Assignment
In the entries below, the lines from the one with "#9=IFCLOCALPLACEMENT($,#2);" through the one with "#24=IFCINDEXEDPOLYGONALFACE((5,7,8,6));" are to be copied exactly; both ends count.

Data entries:
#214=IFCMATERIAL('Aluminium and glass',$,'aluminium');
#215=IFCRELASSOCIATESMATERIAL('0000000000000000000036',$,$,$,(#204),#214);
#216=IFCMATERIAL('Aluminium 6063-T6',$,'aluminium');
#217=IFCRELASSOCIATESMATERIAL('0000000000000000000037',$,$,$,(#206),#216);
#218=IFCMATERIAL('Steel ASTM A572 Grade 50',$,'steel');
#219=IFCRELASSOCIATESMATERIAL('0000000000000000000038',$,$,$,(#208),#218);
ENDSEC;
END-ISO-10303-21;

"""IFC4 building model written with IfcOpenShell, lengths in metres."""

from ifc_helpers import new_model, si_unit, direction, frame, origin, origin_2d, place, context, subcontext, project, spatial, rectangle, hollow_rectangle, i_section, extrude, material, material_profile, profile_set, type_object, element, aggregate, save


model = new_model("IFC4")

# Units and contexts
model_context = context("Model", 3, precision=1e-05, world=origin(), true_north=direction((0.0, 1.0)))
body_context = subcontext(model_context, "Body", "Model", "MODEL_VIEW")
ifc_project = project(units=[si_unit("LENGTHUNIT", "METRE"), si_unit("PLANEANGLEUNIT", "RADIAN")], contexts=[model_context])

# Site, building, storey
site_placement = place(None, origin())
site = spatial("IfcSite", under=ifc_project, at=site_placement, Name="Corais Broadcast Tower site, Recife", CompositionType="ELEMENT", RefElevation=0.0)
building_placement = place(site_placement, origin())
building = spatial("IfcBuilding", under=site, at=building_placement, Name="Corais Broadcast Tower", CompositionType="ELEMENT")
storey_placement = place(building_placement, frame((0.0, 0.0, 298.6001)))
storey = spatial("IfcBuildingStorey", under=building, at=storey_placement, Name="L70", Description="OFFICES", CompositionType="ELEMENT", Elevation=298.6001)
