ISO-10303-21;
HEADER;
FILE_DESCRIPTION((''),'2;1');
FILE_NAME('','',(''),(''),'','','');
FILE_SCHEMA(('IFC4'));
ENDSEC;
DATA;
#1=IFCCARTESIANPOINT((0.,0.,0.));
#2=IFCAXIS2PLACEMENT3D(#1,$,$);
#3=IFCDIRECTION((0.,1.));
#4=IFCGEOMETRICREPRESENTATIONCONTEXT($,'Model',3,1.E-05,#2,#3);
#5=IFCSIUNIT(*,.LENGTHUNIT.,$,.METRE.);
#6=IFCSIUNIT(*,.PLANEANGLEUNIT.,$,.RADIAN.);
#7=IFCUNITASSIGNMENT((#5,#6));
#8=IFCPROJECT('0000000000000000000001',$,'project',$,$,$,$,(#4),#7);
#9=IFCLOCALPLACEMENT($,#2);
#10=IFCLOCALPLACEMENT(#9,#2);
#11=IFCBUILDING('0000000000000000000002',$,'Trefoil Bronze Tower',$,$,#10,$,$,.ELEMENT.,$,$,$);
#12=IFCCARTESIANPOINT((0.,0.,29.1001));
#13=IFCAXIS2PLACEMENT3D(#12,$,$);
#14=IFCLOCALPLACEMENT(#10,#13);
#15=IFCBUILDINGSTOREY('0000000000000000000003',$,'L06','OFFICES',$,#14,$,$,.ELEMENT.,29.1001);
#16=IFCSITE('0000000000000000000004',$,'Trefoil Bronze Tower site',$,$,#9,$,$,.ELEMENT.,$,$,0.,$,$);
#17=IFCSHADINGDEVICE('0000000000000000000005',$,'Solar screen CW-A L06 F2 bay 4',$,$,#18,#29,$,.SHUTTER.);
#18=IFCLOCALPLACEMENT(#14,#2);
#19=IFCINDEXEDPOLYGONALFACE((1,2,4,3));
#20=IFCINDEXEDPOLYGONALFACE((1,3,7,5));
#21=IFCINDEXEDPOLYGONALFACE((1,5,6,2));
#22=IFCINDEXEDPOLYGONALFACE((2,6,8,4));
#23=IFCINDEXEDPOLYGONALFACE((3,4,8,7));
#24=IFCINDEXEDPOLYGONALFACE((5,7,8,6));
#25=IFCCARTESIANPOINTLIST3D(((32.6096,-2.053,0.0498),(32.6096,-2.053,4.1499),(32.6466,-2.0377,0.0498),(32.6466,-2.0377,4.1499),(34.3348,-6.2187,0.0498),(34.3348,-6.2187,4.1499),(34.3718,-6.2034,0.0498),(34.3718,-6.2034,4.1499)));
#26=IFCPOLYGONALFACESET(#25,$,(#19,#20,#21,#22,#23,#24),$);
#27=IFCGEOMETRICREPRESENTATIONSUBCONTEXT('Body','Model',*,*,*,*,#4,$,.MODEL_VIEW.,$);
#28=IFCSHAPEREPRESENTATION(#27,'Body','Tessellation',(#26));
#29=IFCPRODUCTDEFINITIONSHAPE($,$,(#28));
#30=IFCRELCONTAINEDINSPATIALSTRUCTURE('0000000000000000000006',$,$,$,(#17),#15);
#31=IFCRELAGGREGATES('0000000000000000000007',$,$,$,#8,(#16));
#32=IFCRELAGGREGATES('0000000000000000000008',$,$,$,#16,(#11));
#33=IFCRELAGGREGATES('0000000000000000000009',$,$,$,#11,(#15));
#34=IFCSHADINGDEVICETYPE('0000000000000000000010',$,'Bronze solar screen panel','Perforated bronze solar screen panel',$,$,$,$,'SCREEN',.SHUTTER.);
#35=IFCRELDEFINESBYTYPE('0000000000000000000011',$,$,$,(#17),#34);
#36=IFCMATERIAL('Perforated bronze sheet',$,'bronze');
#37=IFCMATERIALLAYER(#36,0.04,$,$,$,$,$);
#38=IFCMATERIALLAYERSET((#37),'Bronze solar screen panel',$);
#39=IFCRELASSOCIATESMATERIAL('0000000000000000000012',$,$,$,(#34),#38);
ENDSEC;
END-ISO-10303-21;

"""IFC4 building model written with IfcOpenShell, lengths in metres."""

from ifc_helpers import new_model, si_unit, direction, frame, origin, origin_2d, place, context, subcontext, project, spatial, rectangle, extrude, material, layer, layer_set, type_object, element, save


model = new_model("IFC4")

# Units and contexts
model_context = context("Model", 3, precision=1e-05, world=origin(), true_north=direction((0.0, 1.0)))
body_context = subcontext(model_context, "Body", "Model", "MODEL_VIEW")
ifc_project = project(units=[si_unit("LENGTHUNIT", "METRE"), si_unit("PLANEANGLEUNIT", "RADIAN")], contexts=[model_context])

# Site, building, storey
site_placement = place(None, origin())
site = spatial("IfcSite", under=ifc_project, at=site_placement, Name="Trefoil Bronze Tower site", CompositionType="ELEMENT", RefElevation=0.0)
building_placement = place(site_placement, origin())
building = spatial("IfcBuilding", under=site, at=building_placement, Name="Trefoil Bronze Tower", CompositionType="ELEMENT")
storey_placement = place(building_placement, frame((0.0, 0.0, 29.1001)))
storey = spatial("IfcBuildingStorey", under=building, at=storey_placement, Name="L06", Description="OFFICES", CompositionType="ELEMENT", Elevation=29.1001)

# Shading device
ifc_material_1 = material(Name="Perforated bronze sheet", Category="bronze")
ifc_layer_1 = layer(ifc_material_1, 0.04)
ifc_layer_set_1 = layer_set([ifc_layer_1], Name="Bronze solar screen panel")
shading_device_type = type_object("IfcShadingDeviceType", Name="Bronze solar screen panel", Description="Perforated bronze solar screen panel", ElementType="SCREEN", PredefinedType="SHUTTER", material=ifc_layer_set_1)
shading_device_1_placement = place(storey_placement, frame((33.4907, -4.1282, 0.0498), z_axis=(0.0, 0.0, 1.0), x_axis=(-0.38263, 0.923902, 0.0)))
element("IfcShadingDevice", 1, at=shading_device_1_placement, inside=storey, type_object=shading_device_type, Name="Solar screen CW-A L06 F2 bay 4", PredefinedType="SHUTTER", context=body_context, shape_type="SweptSolid", body=[
    extrude(rectangle(XDim=4.5088, YDim=0.04, at=origin_2d()), origin(), (0.0, 0.0, 1.0), 4.1001),
])

save(model, "model.ifc")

Output for this exercise
#9=IFCLOCALPLACEMENT($,#2);
#10=IFCLOCALPLACEMENT(#9,#2);
#11=IFCBUILDING('0000000000000000000002',$,'Trefoil Bronze Tower',$,$,#10,$,$,.ELEMENT.,$,$,$);
#12=IFCCARTESIANPOINT((0.,0.,29.1001));
#13=IFCAXIS2PLACEMENT3D(#12,$,$);
#14=IFCLOCALPLACEMENT(#10,#13);
#15=IFCBUILDINGSTOREY('0000000000000000000003',$,'L06','OFFICES',$,#14,$,$,.ELEMENT.,29.1001);
#16=IFCSITE('0000000000000000000004',$,'Trefoil Bronze Tower site',$,$,#9,$,$,.ELEMENT.,$,$,0.,$,$);
#17=IFCSHADINGDEVICE('0000000000000000000005',$,'Solar screen CW-A L06 F2 bay 4',$,$,#18,#29,$,.SHUTTER.);
#18=IFCLOCALPLACEMENT(#14,#2);
#19=IFCINDEXEDPOLYGONALFACE((1,2,4,3));
#20=IFCINDEXEDPOLYGONALFACE((1,3,7,5));
#21=IFCINDEXEDPOLYGONALFACE((1,5,6,2));
#22=IFCINDEXEDPOLYGONALFACE((2,6,8,4));
#23=IFCINDEXEDPOLYGONALFACE((3,4,8,7));
#24=IFCINDEXEDPOLYGONALFACE((5,7,8,6));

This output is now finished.